:: GIVEN DATA ::

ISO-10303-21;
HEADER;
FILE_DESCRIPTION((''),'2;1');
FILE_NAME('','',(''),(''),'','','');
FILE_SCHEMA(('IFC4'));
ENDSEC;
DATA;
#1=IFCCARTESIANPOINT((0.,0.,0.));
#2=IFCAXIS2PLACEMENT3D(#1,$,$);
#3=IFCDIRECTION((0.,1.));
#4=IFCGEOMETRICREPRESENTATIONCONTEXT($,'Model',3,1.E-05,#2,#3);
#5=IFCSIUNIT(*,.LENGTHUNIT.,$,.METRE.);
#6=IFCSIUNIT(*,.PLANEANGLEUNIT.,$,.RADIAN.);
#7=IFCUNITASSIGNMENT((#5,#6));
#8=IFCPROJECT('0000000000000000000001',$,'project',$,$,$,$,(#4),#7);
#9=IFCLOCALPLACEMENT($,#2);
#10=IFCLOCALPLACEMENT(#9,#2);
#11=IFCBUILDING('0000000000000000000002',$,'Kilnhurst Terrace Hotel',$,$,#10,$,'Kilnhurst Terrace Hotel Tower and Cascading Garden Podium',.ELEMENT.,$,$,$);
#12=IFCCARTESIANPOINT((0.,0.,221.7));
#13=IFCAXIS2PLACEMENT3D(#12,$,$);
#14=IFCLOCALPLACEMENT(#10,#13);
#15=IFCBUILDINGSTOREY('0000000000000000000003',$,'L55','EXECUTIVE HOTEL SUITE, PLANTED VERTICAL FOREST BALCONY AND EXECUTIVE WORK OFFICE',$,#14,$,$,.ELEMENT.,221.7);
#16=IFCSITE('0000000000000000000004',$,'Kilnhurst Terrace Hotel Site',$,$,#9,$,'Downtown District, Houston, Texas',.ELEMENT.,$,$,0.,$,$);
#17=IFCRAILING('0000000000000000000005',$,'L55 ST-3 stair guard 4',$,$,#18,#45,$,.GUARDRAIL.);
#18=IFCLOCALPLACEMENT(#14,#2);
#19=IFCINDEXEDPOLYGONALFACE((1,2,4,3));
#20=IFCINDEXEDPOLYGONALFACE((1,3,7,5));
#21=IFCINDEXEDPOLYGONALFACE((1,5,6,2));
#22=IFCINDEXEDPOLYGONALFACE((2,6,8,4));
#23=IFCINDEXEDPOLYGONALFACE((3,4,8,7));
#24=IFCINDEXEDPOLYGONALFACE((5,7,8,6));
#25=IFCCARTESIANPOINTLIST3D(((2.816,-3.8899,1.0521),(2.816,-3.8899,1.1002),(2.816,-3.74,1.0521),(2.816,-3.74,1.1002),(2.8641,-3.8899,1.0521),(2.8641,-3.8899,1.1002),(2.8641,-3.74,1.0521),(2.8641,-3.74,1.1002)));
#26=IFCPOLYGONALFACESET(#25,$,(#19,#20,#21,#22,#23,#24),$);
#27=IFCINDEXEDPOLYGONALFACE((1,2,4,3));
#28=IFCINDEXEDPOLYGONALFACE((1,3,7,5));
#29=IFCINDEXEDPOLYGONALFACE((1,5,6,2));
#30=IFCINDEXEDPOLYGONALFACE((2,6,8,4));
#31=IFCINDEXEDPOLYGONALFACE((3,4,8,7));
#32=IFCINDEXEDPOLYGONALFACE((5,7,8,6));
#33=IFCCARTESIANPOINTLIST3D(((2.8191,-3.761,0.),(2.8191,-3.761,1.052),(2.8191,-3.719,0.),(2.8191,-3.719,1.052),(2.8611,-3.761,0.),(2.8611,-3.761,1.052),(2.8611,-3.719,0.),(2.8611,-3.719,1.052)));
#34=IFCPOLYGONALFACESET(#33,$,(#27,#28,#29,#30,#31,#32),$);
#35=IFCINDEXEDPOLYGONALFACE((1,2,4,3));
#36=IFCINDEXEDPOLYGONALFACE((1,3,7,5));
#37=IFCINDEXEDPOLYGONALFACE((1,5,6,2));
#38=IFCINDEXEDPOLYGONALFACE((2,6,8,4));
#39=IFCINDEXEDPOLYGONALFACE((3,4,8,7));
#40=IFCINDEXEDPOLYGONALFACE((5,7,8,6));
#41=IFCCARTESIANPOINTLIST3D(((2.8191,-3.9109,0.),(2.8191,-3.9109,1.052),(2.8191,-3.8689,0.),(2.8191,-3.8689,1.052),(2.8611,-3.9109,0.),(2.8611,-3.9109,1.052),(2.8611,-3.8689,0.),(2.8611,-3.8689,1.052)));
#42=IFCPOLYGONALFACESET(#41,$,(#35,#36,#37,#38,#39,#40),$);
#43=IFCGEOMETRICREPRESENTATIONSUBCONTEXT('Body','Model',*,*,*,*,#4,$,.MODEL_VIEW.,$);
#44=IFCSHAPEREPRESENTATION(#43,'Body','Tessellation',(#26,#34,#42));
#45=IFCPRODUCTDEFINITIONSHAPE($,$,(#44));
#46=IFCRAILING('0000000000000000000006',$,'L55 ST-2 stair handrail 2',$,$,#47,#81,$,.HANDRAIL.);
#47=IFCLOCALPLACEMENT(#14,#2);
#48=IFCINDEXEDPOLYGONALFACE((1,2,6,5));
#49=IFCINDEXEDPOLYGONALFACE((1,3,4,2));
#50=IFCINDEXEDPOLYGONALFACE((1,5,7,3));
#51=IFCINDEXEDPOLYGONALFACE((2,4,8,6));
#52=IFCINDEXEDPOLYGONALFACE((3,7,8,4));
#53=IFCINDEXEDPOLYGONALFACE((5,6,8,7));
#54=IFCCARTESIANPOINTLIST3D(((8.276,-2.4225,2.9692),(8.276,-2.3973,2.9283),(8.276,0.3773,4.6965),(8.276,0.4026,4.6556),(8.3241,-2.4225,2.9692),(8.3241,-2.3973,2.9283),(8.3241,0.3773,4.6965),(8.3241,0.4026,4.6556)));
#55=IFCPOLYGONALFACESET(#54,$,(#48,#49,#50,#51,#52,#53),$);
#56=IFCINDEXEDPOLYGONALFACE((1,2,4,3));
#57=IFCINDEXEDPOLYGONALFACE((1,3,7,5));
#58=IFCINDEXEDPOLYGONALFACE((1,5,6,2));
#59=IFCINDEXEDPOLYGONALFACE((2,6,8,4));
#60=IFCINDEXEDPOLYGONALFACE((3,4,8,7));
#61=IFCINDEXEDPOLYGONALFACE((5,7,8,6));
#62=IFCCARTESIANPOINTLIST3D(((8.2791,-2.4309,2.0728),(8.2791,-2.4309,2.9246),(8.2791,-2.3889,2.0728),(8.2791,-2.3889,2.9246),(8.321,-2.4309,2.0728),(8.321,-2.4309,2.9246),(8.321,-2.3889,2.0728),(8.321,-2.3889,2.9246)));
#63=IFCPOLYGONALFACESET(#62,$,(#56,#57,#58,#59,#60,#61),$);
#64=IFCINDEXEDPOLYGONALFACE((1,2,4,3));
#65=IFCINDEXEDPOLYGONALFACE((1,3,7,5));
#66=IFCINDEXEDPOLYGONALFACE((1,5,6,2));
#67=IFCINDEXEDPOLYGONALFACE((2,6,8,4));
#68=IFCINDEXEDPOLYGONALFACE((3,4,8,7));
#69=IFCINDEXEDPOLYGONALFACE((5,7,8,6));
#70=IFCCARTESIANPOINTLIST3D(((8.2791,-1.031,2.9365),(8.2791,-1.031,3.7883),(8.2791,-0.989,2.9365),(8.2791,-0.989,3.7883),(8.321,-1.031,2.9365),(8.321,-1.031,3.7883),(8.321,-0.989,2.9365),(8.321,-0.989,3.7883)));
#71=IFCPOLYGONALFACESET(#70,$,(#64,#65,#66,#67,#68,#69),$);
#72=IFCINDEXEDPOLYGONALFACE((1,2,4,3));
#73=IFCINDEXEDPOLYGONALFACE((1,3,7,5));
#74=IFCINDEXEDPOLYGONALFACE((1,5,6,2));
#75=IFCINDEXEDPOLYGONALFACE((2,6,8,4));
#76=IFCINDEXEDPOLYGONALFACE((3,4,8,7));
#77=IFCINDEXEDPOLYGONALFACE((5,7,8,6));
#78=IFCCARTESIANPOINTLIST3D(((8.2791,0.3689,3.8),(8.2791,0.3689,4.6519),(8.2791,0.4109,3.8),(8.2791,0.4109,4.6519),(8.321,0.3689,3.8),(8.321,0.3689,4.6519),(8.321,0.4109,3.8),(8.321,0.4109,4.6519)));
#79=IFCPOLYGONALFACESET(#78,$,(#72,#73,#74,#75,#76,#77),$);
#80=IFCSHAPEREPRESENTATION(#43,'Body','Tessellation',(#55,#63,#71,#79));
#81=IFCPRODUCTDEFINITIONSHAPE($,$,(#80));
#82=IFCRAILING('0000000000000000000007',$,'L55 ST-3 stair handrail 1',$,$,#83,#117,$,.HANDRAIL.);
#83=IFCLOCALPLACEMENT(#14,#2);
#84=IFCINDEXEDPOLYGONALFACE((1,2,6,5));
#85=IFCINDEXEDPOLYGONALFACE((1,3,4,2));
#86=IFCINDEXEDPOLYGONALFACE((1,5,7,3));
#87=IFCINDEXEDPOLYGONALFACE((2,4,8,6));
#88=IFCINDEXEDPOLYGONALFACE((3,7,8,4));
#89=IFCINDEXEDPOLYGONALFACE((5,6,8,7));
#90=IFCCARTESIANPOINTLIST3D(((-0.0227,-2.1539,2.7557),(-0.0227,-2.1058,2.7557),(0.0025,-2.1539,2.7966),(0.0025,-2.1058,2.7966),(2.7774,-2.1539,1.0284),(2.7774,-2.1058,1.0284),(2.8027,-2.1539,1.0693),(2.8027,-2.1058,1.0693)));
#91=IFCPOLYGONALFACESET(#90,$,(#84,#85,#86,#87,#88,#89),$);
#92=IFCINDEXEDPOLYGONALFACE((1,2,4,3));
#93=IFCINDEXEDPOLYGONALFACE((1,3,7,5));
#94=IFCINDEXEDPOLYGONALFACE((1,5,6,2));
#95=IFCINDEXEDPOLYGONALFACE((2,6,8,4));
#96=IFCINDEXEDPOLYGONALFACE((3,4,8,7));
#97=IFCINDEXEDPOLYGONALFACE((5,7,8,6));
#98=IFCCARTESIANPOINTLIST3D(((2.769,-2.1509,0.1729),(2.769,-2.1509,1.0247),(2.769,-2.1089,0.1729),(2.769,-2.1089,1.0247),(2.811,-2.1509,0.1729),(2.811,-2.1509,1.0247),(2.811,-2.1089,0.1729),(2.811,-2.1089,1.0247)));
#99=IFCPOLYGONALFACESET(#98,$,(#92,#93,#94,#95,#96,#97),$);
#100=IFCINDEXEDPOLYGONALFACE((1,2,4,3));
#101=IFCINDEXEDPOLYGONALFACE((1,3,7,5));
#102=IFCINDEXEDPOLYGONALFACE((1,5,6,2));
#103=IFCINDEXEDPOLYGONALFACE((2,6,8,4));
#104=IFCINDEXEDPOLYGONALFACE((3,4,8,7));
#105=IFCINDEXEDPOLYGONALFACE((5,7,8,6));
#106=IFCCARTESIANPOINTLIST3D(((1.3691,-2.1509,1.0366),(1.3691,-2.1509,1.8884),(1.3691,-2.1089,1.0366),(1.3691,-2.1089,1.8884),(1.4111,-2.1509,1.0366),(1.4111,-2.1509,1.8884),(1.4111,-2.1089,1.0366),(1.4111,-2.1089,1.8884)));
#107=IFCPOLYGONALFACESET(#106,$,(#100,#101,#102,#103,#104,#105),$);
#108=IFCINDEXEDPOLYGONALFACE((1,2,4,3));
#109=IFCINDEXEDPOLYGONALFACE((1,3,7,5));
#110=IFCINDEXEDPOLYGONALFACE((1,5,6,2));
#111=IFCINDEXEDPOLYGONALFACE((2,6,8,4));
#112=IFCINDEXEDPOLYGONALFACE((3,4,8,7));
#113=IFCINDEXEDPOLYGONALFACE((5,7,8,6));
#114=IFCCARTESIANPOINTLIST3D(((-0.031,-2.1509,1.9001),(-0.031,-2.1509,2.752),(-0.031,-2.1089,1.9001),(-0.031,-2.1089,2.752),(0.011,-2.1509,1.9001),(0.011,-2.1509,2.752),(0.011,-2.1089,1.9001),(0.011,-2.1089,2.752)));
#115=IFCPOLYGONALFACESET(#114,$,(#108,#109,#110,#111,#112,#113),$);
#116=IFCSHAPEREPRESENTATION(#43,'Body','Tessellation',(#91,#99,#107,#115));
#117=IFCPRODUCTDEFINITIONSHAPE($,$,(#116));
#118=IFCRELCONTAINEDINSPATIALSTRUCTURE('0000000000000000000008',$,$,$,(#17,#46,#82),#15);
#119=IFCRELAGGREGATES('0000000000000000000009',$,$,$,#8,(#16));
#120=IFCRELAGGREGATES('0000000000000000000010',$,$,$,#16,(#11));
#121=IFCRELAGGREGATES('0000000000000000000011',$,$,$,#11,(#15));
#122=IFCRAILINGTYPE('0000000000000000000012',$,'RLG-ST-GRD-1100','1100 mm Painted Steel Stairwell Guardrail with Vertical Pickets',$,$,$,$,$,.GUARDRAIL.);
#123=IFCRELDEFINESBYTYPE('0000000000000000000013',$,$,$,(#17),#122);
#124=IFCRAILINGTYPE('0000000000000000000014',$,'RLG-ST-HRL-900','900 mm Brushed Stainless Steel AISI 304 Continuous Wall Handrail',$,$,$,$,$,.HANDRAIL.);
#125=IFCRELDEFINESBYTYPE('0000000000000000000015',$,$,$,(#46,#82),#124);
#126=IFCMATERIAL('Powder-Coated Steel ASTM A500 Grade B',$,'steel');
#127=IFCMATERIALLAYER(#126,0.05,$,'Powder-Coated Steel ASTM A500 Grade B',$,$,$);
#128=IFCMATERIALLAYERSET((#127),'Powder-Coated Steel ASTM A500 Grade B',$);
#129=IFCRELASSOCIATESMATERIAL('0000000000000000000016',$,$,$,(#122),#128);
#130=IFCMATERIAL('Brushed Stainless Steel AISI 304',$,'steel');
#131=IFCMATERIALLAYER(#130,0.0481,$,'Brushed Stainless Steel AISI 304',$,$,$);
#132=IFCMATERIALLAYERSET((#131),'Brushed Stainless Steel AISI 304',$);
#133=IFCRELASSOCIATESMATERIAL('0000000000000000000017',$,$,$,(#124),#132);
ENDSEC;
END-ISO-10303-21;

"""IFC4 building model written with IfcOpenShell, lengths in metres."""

from ifc_helpers import new_model, si_unit, direction, frame, origin, origin_2d, place, context, subcontext, project, spatial, rectangle, extrude, material, layer, layer_set, type_object, element, save


model = new_model("IFC4")

# Units and contexts
model_context = context("Model", 3, precision=1e-05, world=origin(), true_north=direction((0.0, 1.0)))
body_context = subcontext(model_context, "Body", "Model", "MODEL_VIEW")
ifc_project = project(units=[si_unit("LENGTHUNIT", "METRE"), si_unit("PLANEANGLEUNIT", "RADIAN")], contexts=[model_context])

# Site, building, storey
site_placement = place(None, origin())
site = spatial("IfcSite", under=ifc_project, at=site_placement, Name="Kilnhurst Terrace Hotel Site", LongName="Downtown District, Houston, Texas", CompositionType="ELEMENT", RefElevation=0.0)
building_placement = place(site_placement, origin())
building = spatial("IfcBuilding", under=site, at=building_placement, Name="Kilnhurst Terrace Hotel", LongName="Kilnhurst Terrace Hotel Tower and Cascading Garden Podium", CompositionType="ELEMENT")
storey_placement = place(building_placement, frame((0.0, 0.0, 221.7)))
storey = spatial("IfcBuildingStorey", under=building, at=storey_placement, Name="L55", Description="EXECUTIVE HOTEL SUITE, PLANTED VERTICAL FOREST BALCONY AND EXECUTIVE WORK OFFICE", CompositionType="ELEMENT", Elevation=221.7)

# Railings
ifc_material_1 = material(Name="Powder-Coated Steel ASTM A500 Grade B", Category="steel")
ifc_layer_1 = layer(ifc_material_1, 0.05, Name="Powder-Coated Steel ASTM A500 Grade B")
ifc_layer_set_1 = layer_set([ifc_layer_1], Name="Powder-Coated Steel ASTM A500 Grade B")
railing_type_1 = type_object("IfcRailingType", Name="RLG-ST-GRD-1100", Description="1100 mm Painted Steel Stairwell Guardrail with Vertical Pickets", PredefinedType="GUARDRAIL", material=ifc_layer_set_1)
railing_1_placement = place(storey_placement, frame((2.8401, -3.74, 0.0)))
element("IfcRailing", 1, at=railing_1_placement, inside=storey, type_object=railing_type_1, Name="L55 ST-3 stair guard 4", PredefinedType="GUARDRAIL", context=body_context, shape_type="SweptSolid", body=[
    extrude(rectangle(XDim=0.0481, YDim=0.0481, at=origin_2d()), frame((0.0, 0.0, 1.0762), z_axis=(0.0, -1.0, 0.0), x_axis=(1.0, 0.0, 0.0)), (0.0, 0.0, 1.0), 0.1499),
    extrude(rectangle(XDim=0.042, YDim=0.042, at=origin_2d()), origin(), (0.0, 0.0, 1.0), 1.052),
    extrude(rectangle(XDim=0.042, YDim=0.042, at=origin_2d()), frame((0.0, -0.1499, 0.0)), (0.0, 0.0, 1.0), 1.052),
])
ifc_material_2 = material(Name="Brushed Stainless Steel AISI 304", Category="steel")
ifc_layer_2 = layer(ifc_material_2, 0.0481, Name="Brushed Stainless Steel AISI 304")
ifc_layer_set_2 = layer_set([ifc_layer_2], Name="Brushed Stainless Steel AISI 304")
railing_type_2 = type_object("IfcRailingType", Name="RLG-ST-HRL-900", Description="900 mm Brushed Stainless Steel AISI 304 Continuous Wall Handrail", PredefinedType="HANDRAIL", material=ifc_layer_set_2)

:::

• _TASK TO COMPLETE_
Nothing but the lines from the start of the data above through the line with "#19=IFCINDEXEDPOLYGONALFACE((1,2,4,3));" should appear in your answer, copied exactly.

• _WORKED SOLUTION_
ISO-10303-21;
HEADER;
FILE_DESCRIPTION((''),'2;1');
FILE_NAME('','',(''),(''),'','','');
FILE_SCHEMA(('IFC4'));
ENDSEC;
DATA;
#1=IFCCARTESIANPOINT((0.,0.,0.));
#2=IFCAXIS2PLACEMENT3D(#1,$,$);
#3=IFCDIRECTION((0.,1.));
#4=IFCGEOMETRICREPRESENTATIONCONTEXT($,'Model',3,1.E-05,#2,#3);
#5=IFCSIUNIT(*,.LENGTHUNIT.,$,.METRE.);
#6=IFCSIUNIT(*,.PLANEANGLEUNIT.,$,.RADIAN.);
#7=IFCUNITASSIGNMENT((#5,#6));
#8=IFCPROJECT('0000000000000000000001',$,'project',$,$,$,$,(#4),#7);
#9=IFCLOCALPLACEMENT($,#2);
#10=IFCLOCALPLACEMENT(#9,#2);
#11=IFCBUILDING('0000000000000000000002',$,'Kilnhurst Terrace Hotel',$,$,#10,$,'Kilnhurst Terrace Hotel Tower and Cascading Garden Podium',.ELEMENT.,$,$,$);
#12=IFCCARTESIANPOINT((0.,0.,221.7));
#13=IFCAXIS2PLACEMENT3D(#12,$,$);
#14=IFCLOCALPLACEMENT(#10,#13);
#15=IFCBUILDINGSTOREY('0000000000000000000003',$,'L55','EXECUTIVE HOTEL SUITE, PLANTED VERTICAL FOREST BALCONY AND EXECUTIVE WORK OFFICE',$,#14,$,$,.ELEMENT.,221.7);
#16=IFCSITE('0000000000000000000004',$,'Kilnhurst Terrace Hotel Site',$,$,#9,$,'Downtown District, Houston, Texas',.ELEMENT.,$,$,0.,$,$);
#17=IFCRAILING('0000000000000000000005',$,'L55 ST-3 stair guard 4',$,$,#18,#45,$,.GUARDRAIL.);
#18=IFCLOCALPLACEMENT(#14,#2);
#19=IFCINDEXEDPOLYGONALFACE((1,2,4,3));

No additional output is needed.